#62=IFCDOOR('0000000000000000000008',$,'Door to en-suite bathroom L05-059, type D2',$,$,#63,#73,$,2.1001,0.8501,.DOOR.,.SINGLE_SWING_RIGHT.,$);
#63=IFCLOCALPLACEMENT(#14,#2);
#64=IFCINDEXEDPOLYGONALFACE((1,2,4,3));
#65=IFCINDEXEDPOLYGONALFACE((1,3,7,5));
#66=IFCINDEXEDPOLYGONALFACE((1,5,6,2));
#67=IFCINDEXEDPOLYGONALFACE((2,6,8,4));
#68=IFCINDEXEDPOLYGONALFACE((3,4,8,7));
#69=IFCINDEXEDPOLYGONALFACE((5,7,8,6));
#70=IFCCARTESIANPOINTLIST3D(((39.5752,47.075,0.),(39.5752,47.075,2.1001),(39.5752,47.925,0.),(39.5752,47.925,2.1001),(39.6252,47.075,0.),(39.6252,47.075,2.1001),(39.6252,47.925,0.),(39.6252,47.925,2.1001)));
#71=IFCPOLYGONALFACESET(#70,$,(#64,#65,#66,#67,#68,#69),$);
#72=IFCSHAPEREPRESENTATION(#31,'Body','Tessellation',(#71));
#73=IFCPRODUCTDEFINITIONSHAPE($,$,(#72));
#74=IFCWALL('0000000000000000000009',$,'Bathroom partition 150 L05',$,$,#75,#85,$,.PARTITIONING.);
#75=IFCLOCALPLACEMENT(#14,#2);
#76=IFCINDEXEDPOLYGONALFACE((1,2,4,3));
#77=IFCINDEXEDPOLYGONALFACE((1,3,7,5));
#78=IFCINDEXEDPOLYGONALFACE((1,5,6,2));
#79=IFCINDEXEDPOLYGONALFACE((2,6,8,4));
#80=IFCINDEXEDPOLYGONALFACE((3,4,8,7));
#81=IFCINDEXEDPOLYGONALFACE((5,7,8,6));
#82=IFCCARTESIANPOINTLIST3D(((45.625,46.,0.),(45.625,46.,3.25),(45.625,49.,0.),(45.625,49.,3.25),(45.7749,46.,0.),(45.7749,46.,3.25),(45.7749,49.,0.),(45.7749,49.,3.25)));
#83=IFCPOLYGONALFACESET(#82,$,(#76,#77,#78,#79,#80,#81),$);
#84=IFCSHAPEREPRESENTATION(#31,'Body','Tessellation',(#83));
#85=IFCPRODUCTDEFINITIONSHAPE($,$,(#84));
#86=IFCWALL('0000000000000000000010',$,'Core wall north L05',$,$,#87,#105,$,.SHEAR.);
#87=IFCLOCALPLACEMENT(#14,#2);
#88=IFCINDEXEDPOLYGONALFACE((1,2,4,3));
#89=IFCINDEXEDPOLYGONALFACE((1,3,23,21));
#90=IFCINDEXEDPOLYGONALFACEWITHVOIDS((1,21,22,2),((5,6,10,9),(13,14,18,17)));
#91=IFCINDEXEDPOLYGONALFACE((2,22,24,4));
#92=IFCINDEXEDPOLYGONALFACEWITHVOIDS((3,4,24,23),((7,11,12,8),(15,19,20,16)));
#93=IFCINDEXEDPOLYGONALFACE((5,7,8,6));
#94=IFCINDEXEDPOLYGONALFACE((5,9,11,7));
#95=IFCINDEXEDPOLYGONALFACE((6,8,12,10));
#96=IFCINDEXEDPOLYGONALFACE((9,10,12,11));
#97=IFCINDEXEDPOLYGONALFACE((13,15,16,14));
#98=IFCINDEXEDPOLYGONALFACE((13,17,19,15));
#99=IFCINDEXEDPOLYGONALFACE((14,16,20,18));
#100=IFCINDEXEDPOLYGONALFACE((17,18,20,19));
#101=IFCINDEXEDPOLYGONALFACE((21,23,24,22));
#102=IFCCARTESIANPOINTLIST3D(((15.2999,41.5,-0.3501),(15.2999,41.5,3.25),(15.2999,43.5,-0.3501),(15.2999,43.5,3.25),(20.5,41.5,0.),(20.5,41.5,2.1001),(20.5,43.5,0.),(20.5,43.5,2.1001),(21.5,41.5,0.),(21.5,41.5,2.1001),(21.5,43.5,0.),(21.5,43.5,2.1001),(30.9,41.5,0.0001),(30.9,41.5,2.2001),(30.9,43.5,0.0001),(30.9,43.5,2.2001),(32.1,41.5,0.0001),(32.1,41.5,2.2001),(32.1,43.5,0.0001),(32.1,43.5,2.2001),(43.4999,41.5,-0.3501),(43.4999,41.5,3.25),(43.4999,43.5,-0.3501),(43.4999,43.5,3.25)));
________________
| Task |
Could you produce an exact copy of the whole listing?

| Result of this task |
#62=IFCDOOR('0000000000000000000008',$,'Door to en-suite bathroom L05-059, type D2',$,$,#63,#73,$,2.1001,0.8501,.DOOR.,.SINGLE_SWING_RIGHT.,$);
#63=IFCLOCALPLACEMENT(#14,#2);
#64=IFCINDEXEDPOLYGONALFACE((1,2,4,3));
#65=IFCINDEXEDPOLYGONALFACE((1,3,7,5));
#66=IFCINDEXEDPOLYGONALFACE((1,5,6,2));
#67=IFCINDEXEDPOLYGONALFACE((2,6,8,4));
#68=IFCINDEXEDPOLYGONALFACE((3,4,8,7));
#69=IFCINDEXEDPOLYGONALFACE((5,7,8,6));
#70=IFCCARTESIANPOINTLIST3D(((39.5752,47.075,0.),(39.5752,47.075,2.1001),(39.5752,47.925,0.),(39.5752,47.925,2.1001),(39.6252,47.075,0.),(39.6252,47.075,2.1001),(39.6252,47.925,0.),(39.6252,47.925,2.1001)));
#71=IFCPOLYGONALFACESET(#70,$,(#64,#65,#66,#67,#68,#69),$);
#72=IFCSHAPEREPRESENTATION(#31,'Body','Tessellation',(#71));
#73=IFCPRODUCTDEFINITIONSHAPE($,$,(#72));
#74=IFCWALL('0000000000000000000009',$,'Bathroom partition 150 L05',$,$,#75,#85,$,.PARTITIONING.);
#75=IFCLOCALPLACEMENT(#14,#2);
#76=IFCINDEXEDPOLYGONALFACE((1,2,4,3));
#77=IFCINDEXEDPOLYGONALFACE((1,3,7,5));
#78=IFCINDEXEDPOLYGONALFACE((1,5,6,2));
#79=IFCINDEXEDPOLYGONALFACE((2,6,8,4));
#80=IFCINDEXEDPOLYGONALFACE((3,4,8,7));
#81=IFCINDEXEDPOLYGONALFACE((5,7,8,6));
#82=IFCCARTESIANPOINTLIST3D(((45.625,46.,0.),(45.625,46.,3.25),(45.625,49.,0.),(45.625,49.,3.25),(45.7749,46.,0.),(45.7749,46.,3.25),(45.7749,49.,0.),(45.7749,49.,3.25)));
#83=IFCPOLYGONALFACESET(#82,$,(#76,#77,#78,#79,#80,#81),$);
#84=IFCSHAPEREPRESENTATION(#31,'Body','Tessellation',(#83));
#85=IFCPRODUCTDEFINITIONSHAPE($,$,(#84));
#86=IFCWALL('0000000000000000000010',$,'Core wall north L05',$,$,#87,#105,$,.SHEAR.);
#87=IFCLOCALPLACEMENT(#14,#2);
#88=IFCINDEXEDPOLYGONALFACE((1,2,4,3));
#89=IFCINDEXEDPOLYGONALFACE((1,3,23,21));
#90=IFCINDEXEDPOLYGONALFACEWITHVOIDS((1,21,22,2),((5,6,10,9),(13,14,18,17)));
#91=IFCINDEXEDPOLYGONALFACE((2,22,24,4));
#92=IFCINDEXEDPOLYGONALFACEWITHVOIDS((3,4,24,23),((7,11,12,8),(15,19,20,16)));
#93=IFCINDEXEDPOLYGONALFACE((5,7,8,6));
#94=IFCINDEXEDPOLYGONALFACE((5,9,11,7));
#95=IFCINDEXEDPOLYGONALFACE((6,8,12,10));
#96=IFCINDEXEDPOLYGONALFACE((9,10,12,11));
#97=IFCINDEXEDPOLYGONALFACE((13,15,16,14));
#98=IFCINDEXEDPOLYGONALFACE((13,17,19,15));
#99=IFCINDEXEDPOLYGONALFACE((14,16,20,18));
#100=IFCINDEXEDPOLYGONALFACE((17,18,20,19));
#101=IFCINDEXEDPOLYGONALFACE((21,23,24,22));
#102=IFCCARTESIANPOINTLIST3D(((15.2999,41.5,-0.3501),(15.2999,41.5,3.25),(15.2999,43.5,-0.3501),(15.2999,43.5,3.25),(20.5,41.5,0.),(20.5,41.5,2.1001),(20.5,43.5,0.),(20.5,43.5,2.1001),(21.5,41.5,0.),(21.5,41.5,2.1001),(21.5,43.5,0.),(21.5,43.5,2.1001),(30.9,41.5,0.0001),(30.9,41.5,2.2001),(30.9,43.5,0.0001),(30.9,43.5,2.2001),(32.1,41.5,0.0001),(32.1,41.5,2.2001),(32.1,43.5,0.0001),(32.1,43.5,2.2001),(43.4999,41.5,-0.3501),(43.4999,41.5,3.25),(43.4999,43.5,-0.3501),(43.4999,43.5,3.25)));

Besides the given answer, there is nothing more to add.